# [Activity]
In the records below, begin at the line that has "#41=IFCPOLYGONALFACESET(#40,$,(#34,#35,#36,#37,#38,#39),$);" and stop after the line that has "#46=IFCRELAGGREGATES('0000000000000000000010',$,$,$,#8,(#16));"; quote those lines verbatim and nothing more.

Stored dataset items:

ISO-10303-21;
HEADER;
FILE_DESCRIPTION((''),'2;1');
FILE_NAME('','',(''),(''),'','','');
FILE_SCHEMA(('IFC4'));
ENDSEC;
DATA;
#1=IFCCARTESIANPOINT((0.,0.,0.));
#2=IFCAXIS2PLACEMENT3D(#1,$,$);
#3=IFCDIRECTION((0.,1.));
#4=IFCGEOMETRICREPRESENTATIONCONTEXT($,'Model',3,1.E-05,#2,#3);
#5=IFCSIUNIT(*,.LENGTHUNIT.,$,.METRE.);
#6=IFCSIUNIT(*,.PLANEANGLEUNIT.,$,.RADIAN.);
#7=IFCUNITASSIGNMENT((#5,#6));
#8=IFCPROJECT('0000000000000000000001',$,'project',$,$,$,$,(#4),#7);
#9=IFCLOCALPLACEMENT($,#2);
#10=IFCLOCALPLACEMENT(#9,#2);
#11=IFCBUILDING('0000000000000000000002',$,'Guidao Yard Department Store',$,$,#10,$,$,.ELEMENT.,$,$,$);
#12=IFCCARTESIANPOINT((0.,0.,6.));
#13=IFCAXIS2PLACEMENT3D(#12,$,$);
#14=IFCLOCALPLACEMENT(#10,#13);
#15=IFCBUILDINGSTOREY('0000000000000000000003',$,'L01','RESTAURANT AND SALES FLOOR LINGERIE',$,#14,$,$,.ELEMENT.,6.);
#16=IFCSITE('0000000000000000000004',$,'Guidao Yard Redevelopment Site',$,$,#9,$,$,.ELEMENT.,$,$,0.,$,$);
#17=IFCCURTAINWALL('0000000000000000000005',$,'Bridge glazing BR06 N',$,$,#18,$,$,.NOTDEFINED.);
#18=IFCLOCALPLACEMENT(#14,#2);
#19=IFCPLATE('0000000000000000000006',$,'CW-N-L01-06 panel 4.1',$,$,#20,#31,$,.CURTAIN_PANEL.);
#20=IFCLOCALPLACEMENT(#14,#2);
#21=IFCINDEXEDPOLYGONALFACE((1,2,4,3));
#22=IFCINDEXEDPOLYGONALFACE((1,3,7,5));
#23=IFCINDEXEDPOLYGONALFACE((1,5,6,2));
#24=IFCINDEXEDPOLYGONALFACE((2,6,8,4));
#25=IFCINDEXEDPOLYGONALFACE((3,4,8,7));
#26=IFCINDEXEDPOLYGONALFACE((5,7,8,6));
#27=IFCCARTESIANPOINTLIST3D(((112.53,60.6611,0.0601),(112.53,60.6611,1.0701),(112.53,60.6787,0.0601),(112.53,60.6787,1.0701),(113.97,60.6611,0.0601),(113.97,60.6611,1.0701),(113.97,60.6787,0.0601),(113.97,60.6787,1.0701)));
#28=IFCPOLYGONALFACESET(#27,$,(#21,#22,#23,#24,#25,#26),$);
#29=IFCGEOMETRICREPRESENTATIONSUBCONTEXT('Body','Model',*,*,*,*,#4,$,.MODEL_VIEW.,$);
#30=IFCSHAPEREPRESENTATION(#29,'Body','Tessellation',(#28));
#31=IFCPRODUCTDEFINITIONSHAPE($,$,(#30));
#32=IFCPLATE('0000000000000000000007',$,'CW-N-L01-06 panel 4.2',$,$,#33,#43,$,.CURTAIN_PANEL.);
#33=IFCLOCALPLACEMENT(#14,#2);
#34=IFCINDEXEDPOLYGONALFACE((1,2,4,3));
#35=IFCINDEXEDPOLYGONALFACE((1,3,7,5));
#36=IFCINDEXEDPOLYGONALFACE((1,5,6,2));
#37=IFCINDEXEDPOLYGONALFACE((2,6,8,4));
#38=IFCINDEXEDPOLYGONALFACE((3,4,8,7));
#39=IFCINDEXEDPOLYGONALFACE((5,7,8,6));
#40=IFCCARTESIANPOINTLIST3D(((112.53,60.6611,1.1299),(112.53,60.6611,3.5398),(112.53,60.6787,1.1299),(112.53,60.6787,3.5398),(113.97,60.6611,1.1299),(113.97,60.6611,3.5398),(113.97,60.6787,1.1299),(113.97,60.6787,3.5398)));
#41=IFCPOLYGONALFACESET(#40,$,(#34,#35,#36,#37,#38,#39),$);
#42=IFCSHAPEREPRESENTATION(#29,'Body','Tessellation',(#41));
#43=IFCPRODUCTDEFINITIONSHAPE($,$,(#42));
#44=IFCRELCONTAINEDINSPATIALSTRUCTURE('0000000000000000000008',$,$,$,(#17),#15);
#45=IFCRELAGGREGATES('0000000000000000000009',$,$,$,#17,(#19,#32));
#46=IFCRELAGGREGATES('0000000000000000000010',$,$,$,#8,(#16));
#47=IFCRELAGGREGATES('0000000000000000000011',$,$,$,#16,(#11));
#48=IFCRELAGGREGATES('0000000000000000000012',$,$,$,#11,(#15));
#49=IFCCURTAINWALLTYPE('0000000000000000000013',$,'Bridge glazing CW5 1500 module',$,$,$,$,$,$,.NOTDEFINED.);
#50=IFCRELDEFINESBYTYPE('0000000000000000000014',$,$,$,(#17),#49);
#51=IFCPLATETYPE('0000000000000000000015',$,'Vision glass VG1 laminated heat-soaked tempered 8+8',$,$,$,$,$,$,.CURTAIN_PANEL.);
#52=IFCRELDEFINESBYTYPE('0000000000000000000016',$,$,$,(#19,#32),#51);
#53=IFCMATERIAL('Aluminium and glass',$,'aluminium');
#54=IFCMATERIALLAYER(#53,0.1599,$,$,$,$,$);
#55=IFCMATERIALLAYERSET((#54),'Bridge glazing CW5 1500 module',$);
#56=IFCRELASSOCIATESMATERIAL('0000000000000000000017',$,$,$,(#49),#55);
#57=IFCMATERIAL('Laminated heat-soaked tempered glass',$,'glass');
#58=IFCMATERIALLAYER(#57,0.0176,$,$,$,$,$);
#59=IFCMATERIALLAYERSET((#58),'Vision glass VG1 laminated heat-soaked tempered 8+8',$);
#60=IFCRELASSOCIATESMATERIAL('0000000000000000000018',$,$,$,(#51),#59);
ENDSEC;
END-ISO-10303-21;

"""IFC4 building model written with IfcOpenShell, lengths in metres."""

from ifc_helpers import new_model, si_unit, direction, frame, origin, origin_2d, place, context, subcontext, project, spatial, rectangle, extrude, material, layer, layer_set, type_object, element, aggregate, save


model = new_model("IFC4")

# Units and contexts
model_context = context("Model", 3, precision=1e-05, world=origin(), true_north=direction((0.0, 1.0)))
body_context = subcontext(model_context, "Body", "Model", "MODEL_VIEW")
ifc_project = project(units=[si_unit("LENGTHUNIT", "METRE"), si_unit("PLANEANGLEUNIT", "RADIAN")], contexts=[model_context])

# Site, building, storey
site_placement = place(None, origin())
site = spatial("IfcSite", under=ifc_project, at=site_placement, Name="Guidao Yard Redevelopment Site", CompositionType="ELEMENT", RefElevation=0.0)
building_placement = place(site_placement, origin())
building = spatial("IfcBuilding", under=site, at=building_placement, Name="Guidao Yard Department Store", CompositionType="ELEMENT")
storey_placement = place(building_placement, frame((0.0, 0.0, 6.0)))
storey = spatial("IfcBuildingStorey", under=building, at=storey_placement, Name="L01", Description="RESTAURANT AND SALES FLOOR LINGERIE", CompositionType="ELEMENT", Elevation=6.0)

# Curtain wall
ifc_material_1 = material(Name="Aluminium and glass", Category="aluminium")
ifc_layer_1 = layer(ifc_material_1, 0.1599)
ifc_layer_set_1 = layer_set([ifc_layer_1], Name="Bridge glazing CW5 1500 module")
curtain_wall_type = type_object("IfcCurtainWallType", Name="Bridge glazing CW5 1500 module", PredefinedType="NOTDEFINED", material=ifc_layer_set_1)
curtain_wall_1_placement = place(storey_placement, origin())
curtain_wall_1 = element("IfcCurtainWall", 1, at=curtain_wall_1_placement, inside=storey, type_object=curtain_wall_type, Name="Bridge glazing BR06 N", PredefinedType="NOTDEFINED")

# Plates
ifc_material_2 = material(Name="Laminated heat-soaked tempered glass", Category="glass")
ifc_layer_2 = layer(ifc_material_2, 0.0176)
ifc_layer_set_2 = layer_set([ifc_layer_2], Name="Vision glass VG1 laminated heat-soaked tempered 8+8")
plate_type_1 = type_object("IfcPlateType", Name="Vision glass VG1 laminated heat-soaked tempered 8+8", PredefinedType="CURTAIN_PANEL", material=ifc_layer_set_2)
plate_1_placement = place(storey_placement, frame((113.25, 60.6699, 0.0601), z_axis=(0.0, 0.0, 1.0), x_axis=(1.0, 0.0, 0.0)))
plate_1 = element("IfcPlate", 2, at=plate_1_placement, type_object=plate_type_1, Name="CW-N-L01-06 panel 4.1", PredefinedType="CURTAIN_PANEL", context=body_context, shape_type="SweptSolid", body=[
    extrude(rectangle(XDim=1.4399, YDim=0.0176, at=origin_2d()), origin(), (0.0, 0.0, 1.0), 1.01),
])
plate_2_placement = place(storey_placement, frame((113.25, 60.6699, 1.1299), z_axis=(0.0, 0.0, 1.0), x_axis=(1.0, 0.0, 0.0)))
plate_2 = element("IfcPlate", 3, at=plate_2_placement, type_object=plate_type_1, Name="CW-N-L01-06 panel 4.2", PredefinedType="CURTAIN_PANEL", context=body_context, shape_type="SweptSolid", body=[
    extrude(rectangle(XDim=1.4399, YDim=0.0176, at=origin_2d()), origin(), (0.0, 0.0, 1.0), 2.4099),
])
aggregate(curtain_wall_1, [plate_1, plate_2])

save(model, "model.ifc")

# [Written response]
#41=IFCPOLYGONALFACESET(#40,$,(#34,#35,#36,#37,#38,#39),$);
#42=IFCSHAPEREPRESENTATION(#29,'Body','Tessellation',(#41));
#43=IFCPRODUCTDEFINITIONSHAPE($,$,(#42));
#44=IFCRELCONTAINEDINSPATIALSTRUCTURE('0000000000000000000008',$,$,$,(#17),#15);
#45=IFCRELAGGREGATES('0000000000000000000009',$,$,$,#17,(#19,#32));
#46=IFCRELAGGREGATES('0000000000000000000010',$,$,$,#8,(#16));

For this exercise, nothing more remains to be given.